Assignment
Look below for the line containing "#105=IFCINDEXEDPOLYGONALFACE((17,21,22,18));"; from there through the line containing "#116=IFCINDEXEDPOLYGONALFACE((39,40,42,41));", both lines included, please set down each line exactly and nothing else.

Study material
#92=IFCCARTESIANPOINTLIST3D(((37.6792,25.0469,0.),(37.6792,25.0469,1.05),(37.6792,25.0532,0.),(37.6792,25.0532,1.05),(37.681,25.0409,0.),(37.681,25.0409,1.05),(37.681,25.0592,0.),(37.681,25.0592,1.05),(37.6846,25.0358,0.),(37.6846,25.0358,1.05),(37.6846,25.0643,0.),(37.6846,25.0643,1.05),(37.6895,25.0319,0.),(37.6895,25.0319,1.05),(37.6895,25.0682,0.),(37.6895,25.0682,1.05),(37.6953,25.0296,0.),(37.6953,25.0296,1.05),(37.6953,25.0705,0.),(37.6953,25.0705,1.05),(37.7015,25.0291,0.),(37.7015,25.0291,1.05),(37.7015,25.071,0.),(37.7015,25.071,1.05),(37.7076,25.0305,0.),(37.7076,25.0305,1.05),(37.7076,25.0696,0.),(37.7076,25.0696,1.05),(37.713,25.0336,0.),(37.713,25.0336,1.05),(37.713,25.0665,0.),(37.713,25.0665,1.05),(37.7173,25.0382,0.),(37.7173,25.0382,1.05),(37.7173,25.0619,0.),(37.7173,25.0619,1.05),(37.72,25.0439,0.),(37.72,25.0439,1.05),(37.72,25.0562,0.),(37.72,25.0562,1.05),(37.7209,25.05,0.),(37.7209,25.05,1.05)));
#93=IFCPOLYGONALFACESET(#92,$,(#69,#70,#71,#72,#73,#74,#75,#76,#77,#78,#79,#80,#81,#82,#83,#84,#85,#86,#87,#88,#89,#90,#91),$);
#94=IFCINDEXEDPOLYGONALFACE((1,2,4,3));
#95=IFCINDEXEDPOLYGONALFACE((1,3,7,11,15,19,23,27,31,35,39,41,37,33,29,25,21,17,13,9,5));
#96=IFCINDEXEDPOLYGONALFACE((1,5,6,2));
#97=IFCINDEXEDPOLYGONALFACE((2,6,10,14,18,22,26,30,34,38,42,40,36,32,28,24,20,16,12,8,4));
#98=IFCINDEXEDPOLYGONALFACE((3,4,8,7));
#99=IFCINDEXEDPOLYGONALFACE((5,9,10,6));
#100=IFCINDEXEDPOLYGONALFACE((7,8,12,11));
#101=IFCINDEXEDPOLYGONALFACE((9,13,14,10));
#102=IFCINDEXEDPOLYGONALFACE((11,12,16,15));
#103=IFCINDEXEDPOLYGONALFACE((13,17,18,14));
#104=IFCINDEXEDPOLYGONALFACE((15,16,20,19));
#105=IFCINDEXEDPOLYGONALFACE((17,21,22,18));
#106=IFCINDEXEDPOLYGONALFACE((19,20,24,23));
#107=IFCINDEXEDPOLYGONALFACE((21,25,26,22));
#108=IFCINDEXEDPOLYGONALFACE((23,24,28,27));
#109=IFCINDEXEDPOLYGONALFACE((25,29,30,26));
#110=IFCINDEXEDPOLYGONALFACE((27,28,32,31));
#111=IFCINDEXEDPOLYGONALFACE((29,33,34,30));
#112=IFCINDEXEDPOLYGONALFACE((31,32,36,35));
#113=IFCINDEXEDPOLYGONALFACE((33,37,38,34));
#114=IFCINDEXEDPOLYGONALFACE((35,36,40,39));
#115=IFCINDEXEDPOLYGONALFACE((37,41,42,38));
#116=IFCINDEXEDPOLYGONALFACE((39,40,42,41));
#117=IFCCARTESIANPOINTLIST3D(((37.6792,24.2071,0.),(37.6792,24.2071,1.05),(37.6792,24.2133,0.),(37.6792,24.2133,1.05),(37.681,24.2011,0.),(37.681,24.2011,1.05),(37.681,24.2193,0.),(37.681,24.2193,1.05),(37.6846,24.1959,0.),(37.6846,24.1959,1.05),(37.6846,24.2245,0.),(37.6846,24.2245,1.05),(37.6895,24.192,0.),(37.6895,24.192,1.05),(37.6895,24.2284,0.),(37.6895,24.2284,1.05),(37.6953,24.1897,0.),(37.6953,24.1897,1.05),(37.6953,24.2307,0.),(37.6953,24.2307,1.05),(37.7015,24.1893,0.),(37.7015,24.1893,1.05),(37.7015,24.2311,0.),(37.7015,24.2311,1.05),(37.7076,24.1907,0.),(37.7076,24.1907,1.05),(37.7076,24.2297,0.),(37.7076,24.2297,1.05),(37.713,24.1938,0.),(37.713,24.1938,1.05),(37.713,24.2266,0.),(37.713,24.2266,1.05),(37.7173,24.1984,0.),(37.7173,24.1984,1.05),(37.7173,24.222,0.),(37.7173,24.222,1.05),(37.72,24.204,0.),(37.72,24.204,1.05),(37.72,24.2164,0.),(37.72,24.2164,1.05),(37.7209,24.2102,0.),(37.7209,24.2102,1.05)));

Exercise response
#105=IFCINDEXEDPOLYGONALFACE((17,21,22,18));
#106=IFCINDEXEDPOLYGONALFACE((19,20,24,23));
#107=IFCINDEXEDPOLYGONALFACE((21,25,26,22));
#108=IFCINDEXEDPOLYGONALFACE((23,24,28,27));
#109=IFCINDEXEDPOLYGONALFACE((25,29,30,26));
#110=IFCINDEXEDPOLYGONALFACE((27,28,32,31));
#111=IFCINDEXEDPOLYGONALFACE((29,33,34,30));
#112=IFCINDEXEDPOLYGONALFACE((31,32,36,35));
#113=IFCINDEXEDPOLYGONALFACE((33,37,38,34));
#114=IFCINDEXEDPOLYGONALFACE((35,36,40,39));
#115=IFCINDEXEDPOLYGONALFACE((37,41,42,38));
#116=IFCINDEXEDPOLYGONALFACE((39,40,42,41));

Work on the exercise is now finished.